### [TASK TO CARRY OUT]
Would you please copy each line below that includes the string "contexts"?
_ _ _ _
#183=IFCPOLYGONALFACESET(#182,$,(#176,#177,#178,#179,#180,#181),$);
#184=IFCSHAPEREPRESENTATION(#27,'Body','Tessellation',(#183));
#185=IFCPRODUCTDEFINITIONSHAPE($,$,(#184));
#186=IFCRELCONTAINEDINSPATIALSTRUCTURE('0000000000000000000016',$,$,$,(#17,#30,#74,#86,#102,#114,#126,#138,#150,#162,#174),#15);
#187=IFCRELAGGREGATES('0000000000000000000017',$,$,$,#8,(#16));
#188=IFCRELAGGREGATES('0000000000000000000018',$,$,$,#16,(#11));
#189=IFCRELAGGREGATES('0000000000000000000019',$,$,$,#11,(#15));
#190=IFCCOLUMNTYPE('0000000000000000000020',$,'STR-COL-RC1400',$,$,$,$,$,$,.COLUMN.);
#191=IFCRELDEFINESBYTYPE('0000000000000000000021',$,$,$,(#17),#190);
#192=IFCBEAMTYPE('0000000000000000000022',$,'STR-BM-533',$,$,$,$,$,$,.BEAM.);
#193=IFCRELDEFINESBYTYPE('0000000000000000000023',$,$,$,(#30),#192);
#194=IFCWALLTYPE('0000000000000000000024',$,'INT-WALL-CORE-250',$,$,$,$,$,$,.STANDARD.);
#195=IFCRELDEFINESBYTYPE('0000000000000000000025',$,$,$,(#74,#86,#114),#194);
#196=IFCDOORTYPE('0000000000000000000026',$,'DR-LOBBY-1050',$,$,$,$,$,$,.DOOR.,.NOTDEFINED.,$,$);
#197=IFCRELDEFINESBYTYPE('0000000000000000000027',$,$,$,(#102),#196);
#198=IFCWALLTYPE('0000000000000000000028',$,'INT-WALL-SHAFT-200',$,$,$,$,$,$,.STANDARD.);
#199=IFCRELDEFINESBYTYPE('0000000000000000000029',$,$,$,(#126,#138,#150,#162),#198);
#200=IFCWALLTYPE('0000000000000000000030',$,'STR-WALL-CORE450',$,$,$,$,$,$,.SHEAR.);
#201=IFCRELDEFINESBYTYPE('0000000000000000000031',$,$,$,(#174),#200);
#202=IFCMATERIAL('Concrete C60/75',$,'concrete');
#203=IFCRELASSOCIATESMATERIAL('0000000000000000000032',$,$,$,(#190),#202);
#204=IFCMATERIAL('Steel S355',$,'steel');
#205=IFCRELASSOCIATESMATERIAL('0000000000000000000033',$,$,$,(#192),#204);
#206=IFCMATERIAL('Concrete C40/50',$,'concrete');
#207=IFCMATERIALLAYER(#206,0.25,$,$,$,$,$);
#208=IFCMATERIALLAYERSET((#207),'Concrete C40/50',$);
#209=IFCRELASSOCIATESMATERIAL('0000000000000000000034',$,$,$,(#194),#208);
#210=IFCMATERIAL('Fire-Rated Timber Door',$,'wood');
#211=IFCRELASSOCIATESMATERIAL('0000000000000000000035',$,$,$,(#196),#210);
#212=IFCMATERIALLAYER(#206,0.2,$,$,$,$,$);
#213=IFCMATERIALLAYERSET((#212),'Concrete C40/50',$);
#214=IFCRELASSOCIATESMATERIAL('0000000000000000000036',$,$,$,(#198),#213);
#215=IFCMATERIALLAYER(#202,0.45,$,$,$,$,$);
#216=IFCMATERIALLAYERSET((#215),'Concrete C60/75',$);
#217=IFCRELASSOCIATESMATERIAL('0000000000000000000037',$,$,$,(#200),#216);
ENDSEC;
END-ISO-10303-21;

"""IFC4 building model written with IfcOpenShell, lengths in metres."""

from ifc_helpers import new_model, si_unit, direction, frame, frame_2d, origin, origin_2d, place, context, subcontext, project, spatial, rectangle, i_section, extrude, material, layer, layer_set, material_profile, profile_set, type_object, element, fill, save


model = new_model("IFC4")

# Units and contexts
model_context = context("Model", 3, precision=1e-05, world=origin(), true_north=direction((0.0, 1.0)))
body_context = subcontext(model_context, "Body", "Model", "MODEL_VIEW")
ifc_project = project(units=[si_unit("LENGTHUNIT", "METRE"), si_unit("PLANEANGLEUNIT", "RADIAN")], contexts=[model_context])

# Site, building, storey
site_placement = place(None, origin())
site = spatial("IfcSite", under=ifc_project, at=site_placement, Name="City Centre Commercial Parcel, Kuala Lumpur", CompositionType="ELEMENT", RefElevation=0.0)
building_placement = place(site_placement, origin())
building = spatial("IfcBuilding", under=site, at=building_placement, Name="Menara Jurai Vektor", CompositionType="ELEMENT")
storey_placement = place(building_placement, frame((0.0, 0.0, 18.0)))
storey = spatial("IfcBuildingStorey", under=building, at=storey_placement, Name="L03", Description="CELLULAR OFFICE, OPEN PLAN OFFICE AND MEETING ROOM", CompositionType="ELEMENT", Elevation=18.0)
_ _ _ _
### [ANSWER SPACE]
# Units and contexts
ifc_project = project(units=[si_unit("LENGTHUNIT", "METRE"), si_unit("PLANEANGLEUNIT", "RADIAN")], contexts=[model_context])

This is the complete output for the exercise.